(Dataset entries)

'''

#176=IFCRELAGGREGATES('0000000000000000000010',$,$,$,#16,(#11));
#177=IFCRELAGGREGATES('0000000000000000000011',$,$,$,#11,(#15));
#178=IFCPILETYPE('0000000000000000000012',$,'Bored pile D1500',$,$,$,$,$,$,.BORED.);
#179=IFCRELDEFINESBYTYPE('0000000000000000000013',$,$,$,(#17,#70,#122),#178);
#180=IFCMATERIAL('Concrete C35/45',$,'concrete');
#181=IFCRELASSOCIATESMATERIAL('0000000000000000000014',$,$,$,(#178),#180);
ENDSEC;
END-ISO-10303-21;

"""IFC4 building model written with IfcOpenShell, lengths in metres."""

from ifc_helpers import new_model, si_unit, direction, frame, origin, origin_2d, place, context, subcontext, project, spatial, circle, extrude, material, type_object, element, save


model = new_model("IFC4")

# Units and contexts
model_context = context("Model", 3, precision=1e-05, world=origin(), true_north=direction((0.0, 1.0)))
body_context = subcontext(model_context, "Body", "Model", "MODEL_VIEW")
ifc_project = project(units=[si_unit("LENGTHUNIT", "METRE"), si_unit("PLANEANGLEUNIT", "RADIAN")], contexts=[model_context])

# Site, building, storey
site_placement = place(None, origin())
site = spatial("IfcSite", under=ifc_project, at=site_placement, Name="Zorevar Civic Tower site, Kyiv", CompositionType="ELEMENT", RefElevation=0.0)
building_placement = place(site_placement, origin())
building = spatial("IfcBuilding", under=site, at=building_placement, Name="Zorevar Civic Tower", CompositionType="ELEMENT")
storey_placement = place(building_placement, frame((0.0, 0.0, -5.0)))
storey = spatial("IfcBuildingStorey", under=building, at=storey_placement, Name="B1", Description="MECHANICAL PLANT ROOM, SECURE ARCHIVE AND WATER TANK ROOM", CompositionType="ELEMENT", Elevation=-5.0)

'''
'''

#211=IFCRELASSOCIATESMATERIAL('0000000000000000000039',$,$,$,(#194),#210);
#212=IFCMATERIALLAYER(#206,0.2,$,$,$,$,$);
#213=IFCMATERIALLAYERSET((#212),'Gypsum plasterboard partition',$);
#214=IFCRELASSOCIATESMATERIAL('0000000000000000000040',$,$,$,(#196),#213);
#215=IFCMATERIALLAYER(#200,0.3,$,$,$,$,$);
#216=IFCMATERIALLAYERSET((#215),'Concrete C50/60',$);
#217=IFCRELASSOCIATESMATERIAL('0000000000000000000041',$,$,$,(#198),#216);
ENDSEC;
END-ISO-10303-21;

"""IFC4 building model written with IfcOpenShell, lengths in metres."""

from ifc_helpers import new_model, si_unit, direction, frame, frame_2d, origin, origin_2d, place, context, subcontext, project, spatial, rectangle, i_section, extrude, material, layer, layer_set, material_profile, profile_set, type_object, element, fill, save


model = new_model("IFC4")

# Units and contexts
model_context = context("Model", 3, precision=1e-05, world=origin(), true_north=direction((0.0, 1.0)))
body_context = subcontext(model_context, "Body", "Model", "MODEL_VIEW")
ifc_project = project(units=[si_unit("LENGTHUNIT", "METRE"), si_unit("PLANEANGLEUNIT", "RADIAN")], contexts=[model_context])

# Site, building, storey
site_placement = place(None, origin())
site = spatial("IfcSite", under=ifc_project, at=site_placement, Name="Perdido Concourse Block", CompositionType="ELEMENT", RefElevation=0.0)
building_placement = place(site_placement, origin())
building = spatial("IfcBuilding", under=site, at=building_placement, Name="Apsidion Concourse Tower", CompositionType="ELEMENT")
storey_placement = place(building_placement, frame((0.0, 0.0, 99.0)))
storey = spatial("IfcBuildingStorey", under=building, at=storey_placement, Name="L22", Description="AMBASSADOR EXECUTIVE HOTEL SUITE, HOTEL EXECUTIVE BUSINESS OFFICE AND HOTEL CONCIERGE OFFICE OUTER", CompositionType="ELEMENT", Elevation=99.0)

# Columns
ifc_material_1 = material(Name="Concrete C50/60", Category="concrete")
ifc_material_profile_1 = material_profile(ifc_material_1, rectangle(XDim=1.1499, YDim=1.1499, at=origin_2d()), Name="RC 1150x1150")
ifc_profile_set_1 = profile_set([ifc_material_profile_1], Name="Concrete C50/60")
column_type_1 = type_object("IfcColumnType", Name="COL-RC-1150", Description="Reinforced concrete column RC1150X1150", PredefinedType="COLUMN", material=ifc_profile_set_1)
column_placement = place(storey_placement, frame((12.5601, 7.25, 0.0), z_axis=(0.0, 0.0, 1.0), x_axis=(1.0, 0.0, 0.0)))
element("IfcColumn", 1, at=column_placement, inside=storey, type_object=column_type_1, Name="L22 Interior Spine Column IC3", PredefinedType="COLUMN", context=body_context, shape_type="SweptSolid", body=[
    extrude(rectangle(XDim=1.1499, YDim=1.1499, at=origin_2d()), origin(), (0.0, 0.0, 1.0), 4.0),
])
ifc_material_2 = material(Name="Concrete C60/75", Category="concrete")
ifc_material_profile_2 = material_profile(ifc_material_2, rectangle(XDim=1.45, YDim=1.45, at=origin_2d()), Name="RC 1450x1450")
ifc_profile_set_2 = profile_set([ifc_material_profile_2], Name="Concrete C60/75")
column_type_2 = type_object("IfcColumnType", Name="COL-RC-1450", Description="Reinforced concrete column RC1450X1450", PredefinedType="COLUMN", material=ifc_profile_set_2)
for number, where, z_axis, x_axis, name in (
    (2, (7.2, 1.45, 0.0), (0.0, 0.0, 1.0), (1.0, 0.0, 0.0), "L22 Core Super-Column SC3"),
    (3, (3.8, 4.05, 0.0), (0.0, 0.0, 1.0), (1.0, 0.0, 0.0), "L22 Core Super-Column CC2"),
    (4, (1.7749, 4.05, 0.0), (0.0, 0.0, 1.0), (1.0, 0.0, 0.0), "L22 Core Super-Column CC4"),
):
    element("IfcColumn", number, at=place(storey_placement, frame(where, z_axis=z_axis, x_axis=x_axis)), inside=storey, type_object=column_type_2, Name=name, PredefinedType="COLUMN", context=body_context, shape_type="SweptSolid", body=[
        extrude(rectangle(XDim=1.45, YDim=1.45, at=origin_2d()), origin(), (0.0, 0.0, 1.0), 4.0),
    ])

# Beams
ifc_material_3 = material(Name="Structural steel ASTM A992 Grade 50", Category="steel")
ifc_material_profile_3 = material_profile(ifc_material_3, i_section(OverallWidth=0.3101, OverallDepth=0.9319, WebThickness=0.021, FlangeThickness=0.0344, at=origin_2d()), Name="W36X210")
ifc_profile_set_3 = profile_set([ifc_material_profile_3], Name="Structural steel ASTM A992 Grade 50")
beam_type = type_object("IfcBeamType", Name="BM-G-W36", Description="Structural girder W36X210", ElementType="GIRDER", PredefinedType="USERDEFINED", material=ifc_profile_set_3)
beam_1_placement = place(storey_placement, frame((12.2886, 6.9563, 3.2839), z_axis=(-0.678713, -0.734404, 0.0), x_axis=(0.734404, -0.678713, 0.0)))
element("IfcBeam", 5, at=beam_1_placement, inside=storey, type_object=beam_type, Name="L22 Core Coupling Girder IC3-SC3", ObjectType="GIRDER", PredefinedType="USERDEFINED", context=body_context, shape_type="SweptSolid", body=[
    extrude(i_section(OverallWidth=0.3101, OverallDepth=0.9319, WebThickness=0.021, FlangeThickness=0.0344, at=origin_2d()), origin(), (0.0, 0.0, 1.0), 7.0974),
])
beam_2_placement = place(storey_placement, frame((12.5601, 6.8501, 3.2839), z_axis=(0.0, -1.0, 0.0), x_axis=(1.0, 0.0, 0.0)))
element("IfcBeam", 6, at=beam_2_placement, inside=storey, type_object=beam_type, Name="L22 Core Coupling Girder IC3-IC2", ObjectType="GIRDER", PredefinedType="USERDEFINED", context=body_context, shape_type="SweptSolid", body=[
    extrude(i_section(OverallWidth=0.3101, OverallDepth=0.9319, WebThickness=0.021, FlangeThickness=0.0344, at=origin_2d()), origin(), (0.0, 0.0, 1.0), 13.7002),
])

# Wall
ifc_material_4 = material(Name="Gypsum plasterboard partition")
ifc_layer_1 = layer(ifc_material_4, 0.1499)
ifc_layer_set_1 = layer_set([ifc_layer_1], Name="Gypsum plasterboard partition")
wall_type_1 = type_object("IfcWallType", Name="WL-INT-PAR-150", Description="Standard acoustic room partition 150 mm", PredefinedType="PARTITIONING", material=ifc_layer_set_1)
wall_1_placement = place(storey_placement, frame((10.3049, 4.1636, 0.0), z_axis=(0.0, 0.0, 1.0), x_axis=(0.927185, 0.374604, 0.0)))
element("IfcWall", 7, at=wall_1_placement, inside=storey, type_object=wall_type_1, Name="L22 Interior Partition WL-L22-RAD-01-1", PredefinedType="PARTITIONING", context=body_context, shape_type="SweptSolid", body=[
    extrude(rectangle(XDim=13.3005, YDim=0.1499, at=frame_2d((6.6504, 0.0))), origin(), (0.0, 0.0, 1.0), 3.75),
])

'''

Nothing should appear in the answer except the lines above from the line with "Interior Spine Column" through the line with "for number, where, z_axis, x_axis, name", both included, written out exactly.

Reply -
element("IfcColumn", 1, at=column_placement, inside=storey, type_object=column_type_1, Name="L22 Interior Spine Column IC3", PredefinedType="COLUMN", context=body_context, shape_type="SweptSolid", body=[
    extrude(rectangle(XDim=1.1499, YDim=1.1499, at=origin_2d()), origin(), (0.0, 0.0, 1.0), 4.0),
])
ifc_material_2 = material(Name="Concrete C60/75", Category="concrete")
ifc_material_profile_2 = material_profile(ifc_material_2, rectangle(XDim=1.45, YDim=1.45, at=origin_2d()), Name="RC 1450x1450")
ifc_profile_set_2 = profile_set([ifc_material_profile_2], Name="Concrete C60/75")
column_type_2 = type_object("IfcColumnType", Name="COL-RC-1450", Description="Reinforced concrete column RC1450X1450", PredefinedType="COLUMN", material=ifc_profile_set_2)
for number, where, z_axis, x_axis, name in (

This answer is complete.